Collected data entries ::
##########

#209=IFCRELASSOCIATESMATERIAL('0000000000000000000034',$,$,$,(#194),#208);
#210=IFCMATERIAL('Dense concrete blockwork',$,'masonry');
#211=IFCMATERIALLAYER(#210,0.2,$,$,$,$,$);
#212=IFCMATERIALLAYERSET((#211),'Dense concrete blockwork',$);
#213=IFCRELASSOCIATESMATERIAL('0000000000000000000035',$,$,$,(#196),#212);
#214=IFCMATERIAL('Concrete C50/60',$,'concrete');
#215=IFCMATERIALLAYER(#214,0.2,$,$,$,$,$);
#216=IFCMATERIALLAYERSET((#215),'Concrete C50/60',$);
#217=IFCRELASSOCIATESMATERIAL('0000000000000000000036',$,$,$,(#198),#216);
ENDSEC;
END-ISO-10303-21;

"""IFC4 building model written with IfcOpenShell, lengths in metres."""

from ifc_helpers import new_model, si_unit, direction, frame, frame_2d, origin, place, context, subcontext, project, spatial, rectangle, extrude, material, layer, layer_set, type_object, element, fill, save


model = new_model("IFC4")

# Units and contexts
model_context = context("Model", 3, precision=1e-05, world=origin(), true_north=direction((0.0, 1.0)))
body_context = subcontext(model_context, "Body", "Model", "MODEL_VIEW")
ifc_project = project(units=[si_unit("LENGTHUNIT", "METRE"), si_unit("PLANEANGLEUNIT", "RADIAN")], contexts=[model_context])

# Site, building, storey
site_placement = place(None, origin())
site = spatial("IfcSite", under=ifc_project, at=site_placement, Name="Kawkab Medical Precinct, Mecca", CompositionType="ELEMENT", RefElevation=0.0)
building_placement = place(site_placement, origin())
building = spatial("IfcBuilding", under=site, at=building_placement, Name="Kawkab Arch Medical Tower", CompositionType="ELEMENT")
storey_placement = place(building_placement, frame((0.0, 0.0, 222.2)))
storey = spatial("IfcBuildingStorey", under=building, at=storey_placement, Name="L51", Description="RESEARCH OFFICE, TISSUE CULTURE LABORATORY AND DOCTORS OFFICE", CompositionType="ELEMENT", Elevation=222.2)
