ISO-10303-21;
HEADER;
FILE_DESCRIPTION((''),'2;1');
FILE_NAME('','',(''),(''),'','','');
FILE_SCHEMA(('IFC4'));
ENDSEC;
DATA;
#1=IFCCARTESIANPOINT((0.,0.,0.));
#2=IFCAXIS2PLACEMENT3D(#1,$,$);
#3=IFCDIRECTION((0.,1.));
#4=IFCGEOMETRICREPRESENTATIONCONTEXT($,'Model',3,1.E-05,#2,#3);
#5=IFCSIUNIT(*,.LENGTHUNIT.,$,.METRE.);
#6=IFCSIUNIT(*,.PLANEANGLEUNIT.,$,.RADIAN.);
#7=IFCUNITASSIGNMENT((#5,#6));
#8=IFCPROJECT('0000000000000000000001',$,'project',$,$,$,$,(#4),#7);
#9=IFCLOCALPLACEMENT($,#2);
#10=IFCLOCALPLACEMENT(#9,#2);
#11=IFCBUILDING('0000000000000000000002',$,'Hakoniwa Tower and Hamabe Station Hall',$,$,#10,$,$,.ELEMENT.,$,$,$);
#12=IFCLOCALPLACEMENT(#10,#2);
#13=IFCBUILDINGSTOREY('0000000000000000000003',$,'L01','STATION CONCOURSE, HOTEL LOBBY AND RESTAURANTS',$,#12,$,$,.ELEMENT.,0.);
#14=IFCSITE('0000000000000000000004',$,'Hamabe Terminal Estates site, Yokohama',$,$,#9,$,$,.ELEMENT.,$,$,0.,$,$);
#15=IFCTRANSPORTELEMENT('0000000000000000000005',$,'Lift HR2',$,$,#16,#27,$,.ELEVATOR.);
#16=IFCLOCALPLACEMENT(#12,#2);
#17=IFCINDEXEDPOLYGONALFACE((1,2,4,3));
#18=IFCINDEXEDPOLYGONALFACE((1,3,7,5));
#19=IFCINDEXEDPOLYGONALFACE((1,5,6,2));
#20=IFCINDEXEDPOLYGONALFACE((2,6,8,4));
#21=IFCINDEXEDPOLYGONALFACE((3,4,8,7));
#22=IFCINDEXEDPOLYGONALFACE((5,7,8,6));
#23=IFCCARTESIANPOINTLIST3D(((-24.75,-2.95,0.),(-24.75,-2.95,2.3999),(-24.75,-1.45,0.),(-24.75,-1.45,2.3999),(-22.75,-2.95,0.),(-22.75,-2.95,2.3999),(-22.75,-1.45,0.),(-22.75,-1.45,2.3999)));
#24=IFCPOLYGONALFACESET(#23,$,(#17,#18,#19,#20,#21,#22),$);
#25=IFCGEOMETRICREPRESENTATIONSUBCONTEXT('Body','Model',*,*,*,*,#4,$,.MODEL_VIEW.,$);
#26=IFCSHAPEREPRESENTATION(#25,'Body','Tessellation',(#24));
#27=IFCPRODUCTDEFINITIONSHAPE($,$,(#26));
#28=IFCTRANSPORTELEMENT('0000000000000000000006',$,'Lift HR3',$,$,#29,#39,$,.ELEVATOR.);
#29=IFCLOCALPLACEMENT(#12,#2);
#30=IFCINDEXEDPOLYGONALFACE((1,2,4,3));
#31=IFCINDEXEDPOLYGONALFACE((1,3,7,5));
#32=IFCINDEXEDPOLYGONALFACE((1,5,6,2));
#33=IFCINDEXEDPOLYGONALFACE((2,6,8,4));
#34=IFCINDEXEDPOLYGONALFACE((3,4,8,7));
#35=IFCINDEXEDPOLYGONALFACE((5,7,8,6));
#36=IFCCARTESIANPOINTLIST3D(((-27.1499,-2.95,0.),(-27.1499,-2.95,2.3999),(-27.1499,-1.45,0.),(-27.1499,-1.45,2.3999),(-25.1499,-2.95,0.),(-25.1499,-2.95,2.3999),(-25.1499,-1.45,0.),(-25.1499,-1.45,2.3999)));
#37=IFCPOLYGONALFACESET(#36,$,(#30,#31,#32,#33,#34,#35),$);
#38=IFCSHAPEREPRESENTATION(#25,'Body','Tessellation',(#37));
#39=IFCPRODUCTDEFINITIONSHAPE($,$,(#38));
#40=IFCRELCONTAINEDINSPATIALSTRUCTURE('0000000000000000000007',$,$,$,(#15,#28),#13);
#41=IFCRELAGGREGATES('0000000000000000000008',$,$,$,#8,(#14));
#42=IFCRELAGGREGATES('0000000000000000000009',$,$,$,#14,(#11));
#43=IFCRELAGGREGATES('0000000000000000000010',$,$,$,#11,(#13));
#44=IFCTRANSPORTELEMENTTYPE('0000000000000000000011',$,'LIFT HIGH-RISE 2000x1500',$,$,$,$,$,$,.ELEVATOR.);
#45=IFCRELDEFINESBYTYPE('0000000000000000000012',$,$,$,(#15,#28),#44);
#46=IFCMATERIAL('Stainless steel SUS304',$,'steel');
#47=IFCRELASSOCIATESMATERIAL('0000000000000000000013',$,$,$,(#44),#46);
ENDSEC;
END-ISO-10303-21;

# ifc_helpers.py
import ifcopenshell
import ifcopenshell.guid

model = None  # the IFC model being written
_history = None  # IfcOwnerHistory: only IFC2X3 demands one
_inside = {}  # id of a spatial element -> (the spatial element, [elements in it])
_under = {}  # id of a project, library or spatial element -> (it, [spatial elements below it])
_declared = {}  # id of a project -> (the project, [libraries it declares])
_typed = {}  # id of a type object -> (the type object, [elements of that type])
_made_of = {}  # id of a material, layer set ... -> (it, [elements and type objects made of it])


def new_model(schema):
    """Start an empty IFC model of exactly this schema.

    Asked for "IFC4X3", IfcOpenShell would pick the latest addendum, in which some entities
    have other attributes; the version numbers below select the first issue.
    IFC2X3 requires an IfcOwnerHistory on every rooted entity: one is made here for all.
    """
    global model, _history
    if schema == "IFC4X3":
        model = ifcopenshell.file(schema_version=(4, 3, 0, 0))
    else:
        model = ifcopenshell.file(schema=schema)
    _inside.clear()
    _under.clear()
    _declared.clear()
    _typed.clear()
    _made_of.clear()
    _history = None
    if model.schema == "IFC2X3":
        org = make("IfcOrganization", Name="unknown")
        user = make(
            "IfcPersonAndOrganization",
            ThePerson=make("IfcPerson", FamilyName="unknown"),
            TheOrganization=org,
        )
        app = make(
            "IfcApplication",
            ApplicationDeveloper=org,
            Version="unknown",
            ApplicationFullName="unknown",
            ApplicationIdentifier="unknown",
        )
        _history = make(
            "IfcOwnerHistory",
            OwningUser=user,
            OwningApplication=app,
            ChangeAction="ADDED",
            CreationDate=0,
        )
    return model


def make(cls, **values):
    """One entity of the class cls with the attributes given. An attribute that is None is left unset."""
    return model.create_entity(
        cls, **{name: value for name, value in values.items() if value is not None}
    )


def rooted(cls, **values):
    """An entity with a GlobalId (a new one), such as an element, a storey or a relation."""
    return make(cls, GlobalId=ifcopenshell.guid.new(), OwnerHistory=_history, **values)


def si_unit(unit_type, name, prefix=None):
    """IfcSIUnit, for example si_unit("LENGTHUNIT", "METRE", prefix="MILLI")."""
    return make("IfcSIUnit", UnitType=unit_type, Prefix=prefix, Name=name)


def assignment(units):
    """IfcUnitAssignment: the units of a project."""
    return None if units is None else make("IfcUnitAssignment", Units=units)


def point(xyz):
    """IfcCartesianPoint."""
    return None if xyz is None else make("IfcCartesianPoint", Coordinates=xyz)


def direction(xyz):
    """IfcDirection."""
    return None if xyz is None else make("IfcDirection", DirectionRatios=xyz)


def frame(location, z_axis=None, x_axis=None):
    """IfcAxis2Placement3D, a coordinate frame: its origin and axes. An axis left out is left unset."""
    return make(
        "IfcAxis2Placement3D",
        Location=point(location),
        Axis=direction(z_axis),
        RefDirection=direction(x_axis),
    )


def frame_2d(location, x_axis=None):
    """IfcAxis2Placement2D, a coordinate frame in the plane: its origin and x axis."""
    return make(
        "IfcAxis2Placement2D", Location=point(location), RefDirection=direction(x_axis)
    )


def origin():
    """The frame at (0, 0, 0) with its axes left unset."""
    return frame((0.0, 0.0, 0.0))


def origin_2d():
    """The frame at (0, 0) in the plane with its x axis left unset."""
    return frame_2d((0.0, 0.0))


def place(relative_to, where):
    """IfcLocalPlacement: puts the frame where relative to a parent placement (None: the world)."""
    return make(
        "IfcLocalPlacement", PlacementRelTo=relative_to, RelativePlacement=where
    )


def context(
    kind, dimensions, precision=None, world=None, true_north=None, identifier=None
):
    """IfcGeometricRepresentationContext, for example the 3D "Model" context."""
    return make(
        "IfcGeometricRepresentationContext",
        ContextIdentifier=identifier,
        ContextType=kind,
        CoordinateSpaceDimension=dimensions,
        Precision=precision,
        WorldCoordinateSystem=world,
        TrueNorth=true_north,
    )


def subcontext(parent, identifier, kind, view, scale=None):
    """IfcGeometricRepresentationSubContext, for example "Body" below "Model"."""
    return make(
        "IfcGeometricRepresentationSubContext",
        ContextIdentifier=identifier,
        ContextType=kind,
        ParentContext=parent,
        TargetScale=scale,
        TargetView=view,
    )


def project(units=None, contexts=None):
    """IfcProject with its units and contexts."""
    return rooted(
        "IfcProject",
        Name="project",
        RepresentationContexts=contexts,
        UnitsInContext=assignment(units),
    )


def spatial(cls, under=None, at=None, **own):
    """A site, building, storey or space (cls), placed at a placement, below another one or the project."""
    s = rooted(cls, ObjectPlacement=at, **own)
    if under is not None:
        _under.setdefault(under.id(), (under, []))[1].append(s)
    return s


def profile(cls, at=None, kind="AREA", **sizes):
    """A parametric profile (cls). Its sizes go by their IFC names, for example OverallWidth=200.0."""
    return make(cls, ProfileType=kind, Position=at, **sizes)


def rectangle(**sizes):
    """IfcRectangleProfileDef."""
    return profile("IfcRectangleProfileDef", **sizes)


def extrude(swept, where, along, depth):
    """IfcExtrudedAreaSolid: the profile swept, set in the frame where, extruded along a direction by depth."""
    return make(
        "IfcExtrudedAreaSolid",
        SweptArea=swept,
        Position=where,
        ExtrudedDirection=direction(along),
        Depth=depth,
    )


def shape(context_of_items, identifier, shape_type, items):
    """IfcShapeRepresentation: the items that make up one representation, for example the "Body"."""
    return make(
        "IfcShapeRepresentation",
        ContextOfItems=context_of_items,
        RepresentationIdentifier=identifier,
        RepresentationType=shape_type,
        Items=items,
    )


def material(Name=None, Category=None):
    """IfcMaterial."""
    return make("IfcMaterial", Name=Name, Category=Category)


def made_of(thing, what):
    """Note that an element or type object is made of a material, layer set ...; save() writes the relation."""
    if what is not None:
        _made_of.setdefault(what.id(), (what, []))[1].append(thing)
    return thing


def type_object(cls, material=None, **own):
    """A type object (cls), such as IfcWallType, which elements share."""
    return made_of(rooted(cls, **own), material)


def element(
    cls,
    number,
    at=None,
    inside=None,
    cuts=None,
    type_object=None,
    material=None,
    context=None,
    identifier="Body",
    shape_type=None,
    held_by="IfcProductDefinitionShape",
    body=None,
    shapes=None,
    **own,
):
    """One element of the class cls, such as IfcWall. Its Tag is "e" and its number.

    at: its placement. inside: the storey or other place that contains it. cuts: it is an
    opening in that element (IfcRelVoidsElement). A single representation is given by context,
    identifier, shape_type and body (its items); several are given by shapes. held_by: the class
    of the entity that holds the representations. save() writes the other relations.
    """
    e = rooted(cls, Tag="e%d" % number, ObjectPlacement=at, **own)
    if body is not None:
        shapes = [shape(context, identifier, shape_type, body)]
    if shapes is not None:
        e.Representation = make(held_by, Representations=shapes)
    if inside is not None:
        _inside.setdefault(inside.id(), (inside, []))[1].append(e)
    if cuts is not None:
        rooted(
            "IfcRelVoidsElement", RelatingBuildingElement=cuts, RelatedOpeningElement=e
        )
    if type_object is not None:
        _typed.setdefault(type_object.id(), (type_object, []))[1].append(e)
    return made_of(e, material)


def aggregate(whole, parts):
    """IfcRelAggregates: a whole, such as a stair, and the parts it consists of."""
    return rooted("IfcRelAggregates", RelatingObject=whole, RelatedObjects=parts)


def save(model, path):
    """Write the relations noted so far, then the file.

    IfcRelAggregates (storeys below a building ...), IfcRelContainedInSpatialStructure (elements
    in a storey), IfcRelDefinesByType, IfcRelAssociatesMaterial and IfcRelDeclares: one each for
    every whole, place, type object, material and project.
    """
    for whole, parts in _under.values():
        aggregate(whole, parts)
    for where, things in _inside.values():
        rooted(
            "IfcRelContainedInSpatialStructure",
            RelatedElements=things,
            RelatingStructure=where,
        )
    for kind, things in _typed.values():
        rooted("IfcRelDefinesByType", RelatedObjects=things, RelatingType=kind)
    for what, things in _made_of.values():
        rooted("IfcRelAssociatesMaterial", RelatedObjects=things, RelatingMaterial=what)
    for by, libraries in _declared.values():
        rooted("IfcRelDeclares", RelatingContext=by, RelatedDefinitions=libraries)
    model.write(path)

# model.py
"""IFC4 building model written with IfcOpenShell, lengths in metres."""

from ifc_helpers import new_model, si_unit, direction, frame, origin, origin_2d, place, context, subcontext, project, spatial, rectangle, extrude, material, type_object, element, save


model = new_model("IFC4")

# Units and contexts
model_context = context("Model", 3, precision=1e-05, world=origin(), true_north=direction((0.0, 1.0)))
body_context = subcontext(model_context, "Body", "Model", "MODEL_VIEW")
ifc_project = project(units=[si_unit("LENGTHUNIT", "METRE"), si_unit("PLANEANGLEUNIT", "RADIAN")], contexts=[model_context])

# Site, building, storey
site_placement = place(None, origin())
site = spatial("IfcSite", under=ifc_project, at=site_placement, Name="Hamabe Terminal Estates site, Yokohama", CompositionType="ELEMENT", RefElevation=0.0)
building_placement = place(site_placement, origin())
building = spatial("IfcBuilding", under=site, at=building_placement, Name="Hakoniwa Tower and Hamabe Station Hall", CompositionType="ELEMENT")
storey_placement = place(building_placement, origin())
storey = spatial("IfcBuildingStorey", under=building, at=storey_placement, Name="L01", Description="STATION CONCOURSE, HOTEL LOBBY AND RESTAURANTS", CompositionType="ELEMENT", Elevation=0.0)

# Transport elements
ifc_material_1 = material(Name="Stainless steel SUS304", Category="steel")
transport_element_type = type_object("IfcTransportElementType", Name="LIFT HIGH-RISE 2000x1500", PredefinedType="ELEVATOR", material=ifc_material_1)
for number, where, z_axis, x_axis, name in (
    (1, (-23.75, -2.2, 0.0), (0.0, 0.0, 1.0), (1.0, 0.0, 0.0), "Lift HR2"),
    (2, (-26.1499, -2.2, 0.0), (0.0, 0.0, 1.0), (1.0, 0.0, 0.0), "Lift HR3"),
):
    element("IfcTransportElement", number, at=place(storey_placement, frame(where, z_axis=z_axis, x_axis=x_axis)), inside=storey, type_object=transport_element_type, Name=name, PredefinedType="ELEVATOR", context=body_context, shape_type="SweptSolid", body=[
        extrude(rectangle(XDim=2.0, YDim=1.5, at=origin_2d()), origin(), (0.0, 0.0, 1.0), 2.3999),
    ])

save(model, "model.ifc")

##########

Look through the entries and return each line that has the word "which" in it.

    Asked for "IFC4X3", IfcOpenShell would pick the latest addendum, in which some entities
    """A type object (cls), such as IfcWallType, which elements share."""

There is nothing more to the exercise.